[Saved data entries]

* * *

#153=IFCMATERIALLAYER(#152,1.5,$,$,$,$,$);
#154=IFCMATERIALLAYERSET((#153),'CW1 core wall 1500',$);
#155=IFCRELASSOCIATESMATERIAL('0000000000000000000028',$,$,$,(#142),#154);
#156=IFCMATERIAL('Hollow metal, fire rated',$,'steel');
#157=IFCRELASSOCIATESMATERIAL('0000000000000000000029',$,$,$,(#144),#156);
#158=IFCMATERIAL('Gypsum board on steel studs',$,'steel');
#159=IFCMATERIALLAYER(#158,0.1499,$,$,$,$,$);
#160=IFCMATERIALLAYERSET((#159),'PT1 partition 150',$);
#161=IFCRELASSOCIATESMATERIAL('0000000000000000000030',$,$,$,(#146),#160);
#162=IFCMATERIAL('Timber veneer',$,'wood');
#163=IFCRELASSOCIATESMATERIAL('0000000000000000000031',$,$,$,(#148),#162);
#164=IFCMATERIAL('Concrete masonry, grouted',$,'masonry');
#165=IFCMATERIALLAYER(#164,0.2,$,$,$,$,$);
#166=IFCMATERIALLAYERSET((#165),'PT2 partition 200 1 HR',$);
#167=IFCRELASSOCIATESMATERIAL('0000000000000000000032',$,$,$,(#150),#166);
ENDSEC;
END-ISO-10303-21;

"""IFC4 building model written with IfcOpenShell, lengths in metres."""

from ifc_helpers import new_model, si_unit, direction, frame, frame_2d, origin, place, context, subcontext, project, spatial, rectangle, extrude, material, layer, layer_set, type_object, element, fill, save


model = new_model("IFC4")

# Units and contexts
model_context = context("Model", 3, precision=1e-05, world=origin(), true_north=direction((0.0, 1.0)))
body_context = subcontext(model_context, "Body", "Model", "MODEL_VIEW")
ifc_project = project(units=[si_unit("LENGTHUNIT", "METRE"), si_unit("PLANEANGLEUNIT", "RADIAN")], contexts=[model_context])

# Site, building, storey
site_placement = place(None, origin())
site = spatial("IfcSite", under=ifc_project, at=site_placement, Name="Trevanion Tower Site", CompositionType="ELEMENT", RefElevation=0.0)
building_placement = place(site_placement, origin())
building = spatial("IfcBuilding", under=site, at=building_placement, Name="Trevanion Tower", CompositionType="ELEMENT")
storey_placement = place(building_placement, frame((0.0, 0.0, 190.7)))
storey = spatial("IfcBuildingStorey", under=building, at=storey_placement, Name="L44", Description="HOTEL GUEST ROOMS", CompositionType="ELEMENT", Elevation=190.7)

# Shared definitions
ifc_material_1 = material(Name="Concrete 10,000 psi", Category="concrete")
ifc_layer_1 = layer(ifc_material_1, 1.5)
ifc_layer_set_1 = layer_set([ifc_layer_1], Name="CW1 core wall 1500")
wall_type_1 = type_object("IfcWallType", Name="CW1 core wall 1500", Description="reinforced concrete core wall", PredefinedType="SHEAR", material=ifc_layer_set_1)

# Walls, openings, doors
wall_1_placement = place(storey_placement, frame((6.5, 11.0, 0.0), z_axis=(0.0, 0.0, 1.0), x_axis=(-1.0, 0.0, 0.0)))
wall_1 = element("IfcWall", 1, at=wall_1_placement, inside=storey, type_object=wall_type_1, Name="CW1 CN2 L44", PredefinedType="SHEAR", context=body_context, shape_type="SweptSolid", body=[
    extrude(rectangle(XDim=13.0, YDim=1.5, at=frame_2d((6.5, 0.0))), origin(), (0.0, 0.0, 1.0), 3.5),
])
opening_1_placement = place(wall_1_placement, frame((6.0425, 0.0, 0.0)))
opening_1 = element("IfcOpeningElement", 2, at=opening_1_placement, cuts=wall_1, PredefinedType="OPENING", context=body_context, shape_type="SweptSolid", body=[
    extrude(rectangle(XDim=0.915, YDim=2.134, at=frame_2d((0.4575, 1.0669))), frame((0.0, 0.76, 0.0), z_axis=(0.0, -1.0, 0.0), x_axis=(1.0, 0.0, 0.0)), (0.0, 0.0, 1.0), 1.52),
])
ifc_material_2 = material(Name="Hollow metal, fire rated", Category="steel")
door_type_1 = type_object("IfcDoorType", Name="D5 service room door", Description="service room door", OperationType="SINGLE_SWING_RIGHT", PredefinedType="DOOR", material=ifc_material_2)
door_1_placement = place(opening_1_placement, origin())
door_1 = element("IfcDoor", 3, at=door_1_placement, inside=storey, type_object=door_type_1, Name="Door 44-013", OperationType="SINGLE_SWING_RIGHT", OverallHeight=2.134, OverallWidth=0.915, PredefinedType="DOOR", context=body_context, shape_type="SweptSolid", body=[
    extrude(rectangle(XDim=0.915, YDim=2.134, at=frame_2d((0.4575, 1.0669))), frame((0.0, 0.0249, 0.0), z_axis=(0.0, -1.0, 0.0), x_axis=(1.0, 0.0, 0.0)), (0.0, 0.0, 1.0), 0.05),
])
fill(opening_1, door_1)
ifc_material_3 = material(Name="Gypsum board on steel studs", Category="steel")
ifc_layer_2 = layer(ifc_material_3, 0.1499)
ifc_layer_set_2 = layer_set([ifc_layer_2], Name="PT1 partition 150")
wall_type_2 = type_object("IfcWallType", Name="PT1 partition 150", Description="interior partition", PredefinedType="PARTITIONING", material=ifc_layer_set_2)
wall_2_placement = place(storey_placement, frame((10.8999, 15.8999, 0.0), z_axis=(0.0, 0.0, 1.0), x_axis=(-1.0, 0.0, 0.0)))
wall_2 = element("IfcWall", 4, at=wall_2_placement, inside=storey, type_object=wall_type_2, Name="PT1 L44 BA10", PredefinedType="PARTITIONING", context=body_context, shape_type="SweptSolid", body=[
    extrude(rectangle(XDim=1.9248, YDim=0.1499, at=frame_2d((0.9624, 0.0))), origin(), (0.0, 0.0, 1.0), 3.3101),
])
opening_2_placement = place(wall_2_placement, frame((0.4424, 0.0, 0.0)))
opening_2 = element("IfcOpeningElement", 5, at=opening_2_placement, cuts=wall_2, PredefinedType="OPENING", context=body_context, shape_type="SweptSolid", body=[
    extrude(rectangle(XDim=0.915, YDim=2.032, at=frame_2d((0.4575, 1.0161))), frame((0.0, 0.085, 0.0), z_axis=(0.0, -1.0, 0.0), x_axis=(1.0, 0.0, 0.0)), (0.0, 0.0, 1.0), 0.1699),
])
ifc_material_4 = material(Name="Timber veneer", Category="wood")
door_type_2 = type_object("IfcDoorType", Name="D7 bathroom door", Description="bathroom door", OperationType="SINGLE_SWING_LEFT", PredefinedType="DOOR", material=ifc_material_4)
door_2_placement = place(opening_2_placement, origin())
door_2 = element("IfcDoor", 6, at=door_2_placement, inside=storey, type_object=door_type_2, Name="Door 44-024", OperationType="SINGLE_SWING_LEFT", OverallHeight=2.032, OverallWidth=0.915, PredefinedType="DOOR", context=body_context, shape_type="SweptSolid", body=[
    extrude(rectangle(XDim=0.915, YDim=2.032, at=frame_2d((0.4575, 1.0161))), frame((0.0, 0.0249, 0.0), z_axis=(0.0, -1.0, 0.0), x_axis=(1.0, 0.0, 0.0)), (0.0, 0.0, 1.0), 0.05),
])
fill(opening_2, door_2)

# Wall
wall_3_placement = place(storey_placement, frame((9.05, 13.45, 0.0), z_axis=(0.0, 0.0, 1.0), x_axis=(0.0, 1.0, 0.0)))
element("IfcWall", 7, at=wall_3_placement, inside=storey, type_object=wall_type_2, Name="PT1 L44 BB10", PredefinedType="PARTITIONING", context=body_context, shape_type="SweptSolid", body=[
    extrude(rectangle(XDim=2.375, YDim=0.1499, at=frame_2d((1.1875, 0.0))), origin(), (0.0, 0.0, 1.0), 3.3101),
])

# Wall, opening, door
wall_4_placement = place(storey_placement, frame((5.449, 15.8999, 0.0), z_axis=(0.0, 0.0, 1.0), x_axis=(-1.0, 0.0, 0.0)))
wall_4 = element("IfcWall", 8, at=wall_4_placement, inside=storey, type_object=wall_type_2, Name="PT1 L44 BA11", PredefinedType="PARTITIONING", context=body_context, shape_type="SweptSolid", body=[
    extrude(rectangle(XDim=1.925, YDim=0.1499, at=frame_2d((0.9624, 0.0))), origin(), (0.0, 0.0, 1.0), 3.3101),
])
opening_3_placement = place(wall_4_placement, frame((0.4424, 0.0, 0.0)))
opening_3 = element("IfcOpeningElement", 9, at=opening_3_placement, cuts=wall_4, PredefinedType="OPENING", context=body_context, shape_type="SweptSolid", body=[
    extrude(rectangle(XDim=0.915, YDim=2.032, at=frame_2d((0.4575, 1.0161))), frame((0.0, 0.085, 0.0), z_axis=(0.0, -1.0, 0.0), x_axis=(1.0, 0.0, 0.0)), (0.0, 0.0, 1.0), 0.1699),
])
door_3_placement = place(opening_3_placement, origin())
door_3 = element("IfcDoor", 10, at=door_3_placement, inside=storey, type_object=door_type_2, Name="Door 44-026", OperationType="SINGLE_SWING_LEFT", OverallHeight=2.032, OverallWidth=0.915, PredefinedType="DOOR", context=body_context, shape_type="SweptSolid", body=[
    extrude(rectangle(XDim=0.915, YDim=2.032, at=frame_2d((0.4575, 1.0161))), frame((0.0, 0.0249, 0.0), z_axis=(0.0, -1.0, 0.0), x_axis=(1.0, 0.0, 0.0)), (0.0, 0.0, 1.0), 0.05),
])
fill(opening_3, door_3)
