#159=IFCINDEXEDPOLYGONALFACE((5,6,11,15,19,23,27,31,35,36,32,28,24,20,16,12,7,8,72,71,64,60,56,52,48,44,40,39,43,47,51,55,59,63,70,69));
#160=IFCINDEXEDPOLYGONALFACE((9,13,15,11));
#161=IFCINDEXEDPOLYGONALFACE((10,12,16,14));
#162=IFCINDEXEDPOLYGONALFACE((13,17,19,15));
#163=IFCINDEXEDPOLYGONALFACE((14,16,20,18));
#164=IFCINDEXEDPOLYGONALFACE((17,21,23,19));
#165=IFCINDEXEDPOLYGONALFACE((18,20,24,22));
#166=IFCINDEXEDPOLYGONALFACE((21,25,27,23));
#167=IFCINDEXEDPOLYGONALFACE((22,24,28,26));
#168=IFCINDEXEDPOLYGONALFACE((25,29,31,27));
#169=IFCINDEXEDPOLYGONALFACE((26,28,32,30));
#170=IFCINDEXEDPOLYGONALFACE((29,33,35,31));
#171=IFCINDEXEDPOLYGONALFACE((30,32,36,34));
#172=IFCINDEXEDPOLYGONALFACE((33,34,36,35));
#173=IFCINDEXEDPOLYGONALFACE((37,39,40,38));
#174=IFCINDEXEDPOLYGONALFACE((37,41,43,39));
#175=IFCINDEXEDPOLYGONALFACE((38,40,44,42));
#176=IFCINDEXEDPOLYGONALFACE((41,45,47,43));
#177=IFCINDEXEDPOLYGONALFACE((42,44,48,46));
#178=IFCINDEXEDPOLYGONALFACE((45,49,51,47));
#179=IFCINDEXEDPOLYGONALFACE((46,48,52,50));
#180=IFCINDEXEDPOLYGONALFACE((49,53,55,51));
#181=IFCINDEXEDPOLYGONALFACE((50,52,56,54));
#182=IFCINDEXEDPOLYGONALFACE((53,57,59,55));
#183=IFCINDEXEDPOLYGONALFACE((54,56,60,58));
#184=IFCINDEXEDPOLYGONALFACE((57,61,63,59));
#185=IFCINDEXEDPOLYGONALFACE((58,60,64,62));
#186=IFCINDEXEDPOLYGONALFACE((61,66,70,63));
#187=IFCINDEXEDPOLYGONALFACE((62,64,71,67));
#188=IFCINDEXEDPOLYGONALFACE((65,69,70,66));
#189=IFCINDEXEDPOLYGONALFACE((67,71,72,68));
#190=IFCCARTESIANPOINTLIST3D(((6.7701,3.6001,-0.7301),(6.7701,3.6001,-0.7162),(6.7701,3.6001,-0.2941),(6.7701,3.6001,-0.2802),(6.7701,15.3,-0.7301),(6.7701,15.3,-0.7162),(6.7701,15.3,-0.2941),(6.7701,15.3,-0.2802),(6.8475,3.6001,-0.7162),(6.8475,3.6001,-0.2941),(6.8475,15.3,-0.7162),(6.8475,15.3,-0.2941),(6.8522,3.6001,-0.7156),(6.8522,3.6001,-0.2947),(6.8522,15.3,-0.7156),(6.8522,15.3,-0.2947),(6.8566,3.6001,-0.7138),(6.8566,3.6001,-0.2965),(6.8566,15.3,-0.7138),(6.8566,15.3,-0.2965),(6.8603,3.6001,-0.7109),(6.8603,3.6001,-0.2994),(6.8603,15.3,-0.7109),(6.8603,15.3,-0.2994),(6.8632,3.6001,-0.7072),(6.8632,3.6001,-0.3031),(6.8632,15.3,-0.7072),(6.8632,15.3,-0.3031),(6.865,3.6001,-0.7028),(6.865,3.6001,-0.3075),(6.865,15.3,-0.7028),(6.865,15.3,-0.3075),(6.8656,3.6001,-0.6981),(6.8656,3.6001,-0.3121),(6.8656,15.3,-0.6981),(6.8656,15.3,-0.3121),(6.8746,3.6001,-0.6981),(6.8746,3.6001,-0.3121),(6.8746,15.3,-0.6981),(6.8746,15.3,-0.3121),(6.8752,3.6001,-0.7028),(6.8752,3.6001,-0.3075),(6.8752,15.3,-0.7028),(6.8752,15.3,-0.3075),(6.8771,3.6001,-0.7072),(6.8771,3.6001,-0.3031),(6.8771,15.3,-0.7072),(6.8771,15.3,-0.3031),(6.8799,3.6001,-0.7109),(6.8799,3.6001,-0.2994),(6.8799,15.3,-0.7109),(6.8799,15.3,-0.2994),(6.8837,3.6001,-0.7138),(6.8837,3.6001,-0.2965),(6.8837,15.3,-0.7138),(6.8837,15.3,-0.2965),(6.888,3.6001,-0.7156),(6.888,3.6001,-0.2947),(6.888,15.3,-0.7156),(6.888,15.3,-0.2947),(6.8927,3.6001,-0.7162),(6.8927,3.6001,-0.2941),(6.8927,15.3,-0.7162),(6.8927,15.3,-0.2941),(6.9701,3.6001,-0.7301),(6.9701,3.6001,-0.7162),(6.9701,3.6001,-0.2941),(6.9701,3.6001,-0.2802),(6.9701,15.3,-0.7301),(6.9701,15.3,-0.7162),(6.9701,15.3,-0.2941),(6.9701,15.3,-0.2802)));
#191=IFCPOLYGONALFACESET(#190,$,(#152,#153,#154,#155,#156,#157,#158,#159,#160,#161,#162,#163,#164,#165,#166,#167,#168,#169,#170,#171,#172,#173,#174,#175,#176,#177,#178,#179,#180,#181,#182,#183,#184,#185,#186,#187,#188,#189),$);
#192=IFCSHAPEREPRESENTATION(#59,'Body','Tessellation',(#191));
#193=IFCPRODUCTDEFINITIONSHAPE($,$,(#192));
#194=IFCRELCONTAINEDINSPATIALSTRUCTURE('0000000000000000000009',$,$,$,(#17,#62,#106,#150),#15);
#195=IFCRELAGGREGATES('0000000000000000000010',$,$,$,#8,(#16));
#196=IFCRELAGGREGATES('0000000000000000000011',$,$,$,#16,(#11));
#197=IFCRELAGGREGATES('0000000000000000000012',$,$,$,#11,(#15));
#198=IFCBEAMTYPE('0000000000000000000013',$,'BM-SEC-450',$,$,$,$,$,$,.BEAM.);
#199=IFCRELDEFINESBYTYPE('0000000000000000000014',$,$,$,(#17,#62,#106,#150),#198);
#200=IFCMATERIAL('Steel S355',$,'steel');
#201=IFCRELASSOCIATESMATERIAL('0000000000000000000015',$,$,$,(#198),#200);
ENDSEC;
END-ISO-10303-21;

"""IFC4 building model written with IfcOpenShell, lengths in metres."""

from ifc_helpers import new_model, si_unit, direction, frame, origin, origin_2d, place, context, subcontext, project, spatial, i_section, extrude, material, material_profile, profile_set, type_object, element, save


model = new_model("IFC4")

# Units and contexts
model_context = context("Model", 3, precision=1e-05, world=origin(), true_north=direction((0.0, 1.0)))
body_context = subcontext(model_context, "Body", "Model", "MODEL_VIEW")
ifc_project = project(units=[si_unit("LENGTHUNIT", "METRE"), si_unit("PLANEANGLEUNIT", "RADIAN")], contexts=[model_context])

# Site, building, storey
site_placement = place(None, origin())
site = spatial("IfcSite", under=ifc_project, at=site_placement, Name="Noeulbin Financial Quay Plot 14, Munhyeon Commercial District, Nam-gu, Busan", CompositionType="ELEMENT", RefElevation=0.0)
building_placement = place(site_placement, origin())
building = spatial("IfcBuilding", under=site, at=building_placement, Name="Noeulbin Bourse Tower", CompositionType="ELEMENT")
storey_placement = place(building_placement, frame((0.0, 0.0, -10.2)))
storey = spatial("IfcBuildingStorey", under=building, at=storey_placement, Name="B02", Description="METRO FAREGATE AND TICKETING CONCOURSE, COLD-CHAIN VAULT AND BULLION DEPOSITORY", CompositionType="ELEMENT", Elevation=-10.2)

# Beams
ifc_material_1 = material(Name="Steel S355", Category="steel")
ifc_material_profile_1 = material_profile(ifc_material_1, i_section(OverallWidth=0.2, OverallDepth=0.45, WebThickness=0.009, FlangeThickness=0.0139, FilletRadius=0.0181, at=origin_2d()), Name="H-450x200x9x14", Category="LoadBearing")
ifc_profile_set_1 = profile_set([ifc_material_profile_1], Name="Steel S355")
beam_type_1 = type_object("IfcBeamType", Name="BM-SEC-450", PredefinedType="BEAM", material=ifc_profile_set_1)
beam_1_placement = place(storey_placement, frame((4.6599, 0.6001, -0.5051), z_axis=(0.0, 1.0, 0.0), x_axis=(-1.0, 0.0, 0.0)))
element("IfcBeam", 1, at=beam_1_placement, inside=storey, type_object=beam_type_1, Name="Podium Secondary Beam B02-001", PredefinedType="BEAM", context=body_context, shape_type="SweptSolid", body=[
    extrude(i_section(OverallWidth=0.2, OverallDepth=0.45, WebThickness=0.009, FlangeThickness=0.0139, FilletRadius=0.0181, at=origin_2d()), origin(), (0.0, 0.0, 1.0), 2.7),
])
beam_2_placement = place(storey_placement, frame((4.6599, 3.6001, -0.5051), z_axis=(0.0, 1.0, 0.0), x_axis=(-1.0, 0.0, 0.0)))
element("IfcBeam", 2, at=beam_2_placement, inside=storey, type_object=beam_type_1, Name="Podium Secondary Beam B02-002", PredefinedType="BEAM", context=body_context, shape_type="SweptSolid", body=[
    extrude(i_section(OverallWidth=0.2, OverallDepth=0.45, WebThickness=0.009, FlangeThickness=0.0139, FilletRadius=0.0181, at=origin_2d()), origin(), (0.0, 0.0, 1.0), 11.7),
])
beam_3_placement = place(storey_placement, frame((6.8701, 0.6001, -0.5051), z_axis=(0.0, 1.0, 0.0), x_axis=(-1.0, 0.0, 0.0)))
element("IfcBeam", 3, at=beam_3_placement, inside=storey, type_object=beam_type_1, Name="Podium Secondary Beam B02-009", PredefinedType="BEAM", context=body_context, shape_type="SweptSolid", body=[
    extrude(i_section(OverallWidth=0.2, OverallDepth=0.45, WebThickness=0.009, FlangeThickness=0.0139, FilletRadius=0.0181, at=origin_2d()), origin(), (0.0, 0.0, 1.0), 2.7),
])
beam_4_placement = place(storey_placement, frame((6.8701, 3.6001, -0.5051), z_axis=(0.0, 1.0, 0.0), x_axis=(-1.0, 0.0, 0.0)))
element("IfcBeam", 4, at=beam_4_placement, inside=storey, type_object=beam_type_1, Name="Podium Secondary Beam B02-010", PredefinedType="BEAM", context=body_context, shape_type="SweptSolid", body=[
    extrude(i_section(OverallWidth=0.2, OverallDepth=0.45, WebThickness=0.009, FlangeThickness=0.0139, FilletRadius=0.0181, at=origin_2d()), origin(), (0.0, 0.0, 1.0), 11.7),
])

* * *

Task statement
Starting at the line that has "#184=IFCINDEXEDPOLYGONALFACE((57,61,63,59));" and ending at the line that has "#189=IFCINDEXEDPOLYGONALFACE((67,71,72,68));", please write out the lines above exactly, leaving out all others.

Answer to this problem
#184=IFCINDEXEDPOLYGONALFACE((57,61,63,59));
#185=IFCINDEXEDPOLYGONALFACE((58,60,64,62));
#186=IFCINDEXEDPOLYGONALFACE((61,66,70,63));
#187=IFCINDEXEDPOLYGONALFACE((62,64,71,67));
#188=IFCINDEXEDPOLYGONALFACE((65,69,70,66));
#189=IFCINDEXEDPOLYGONALFACE((67,71,72,68));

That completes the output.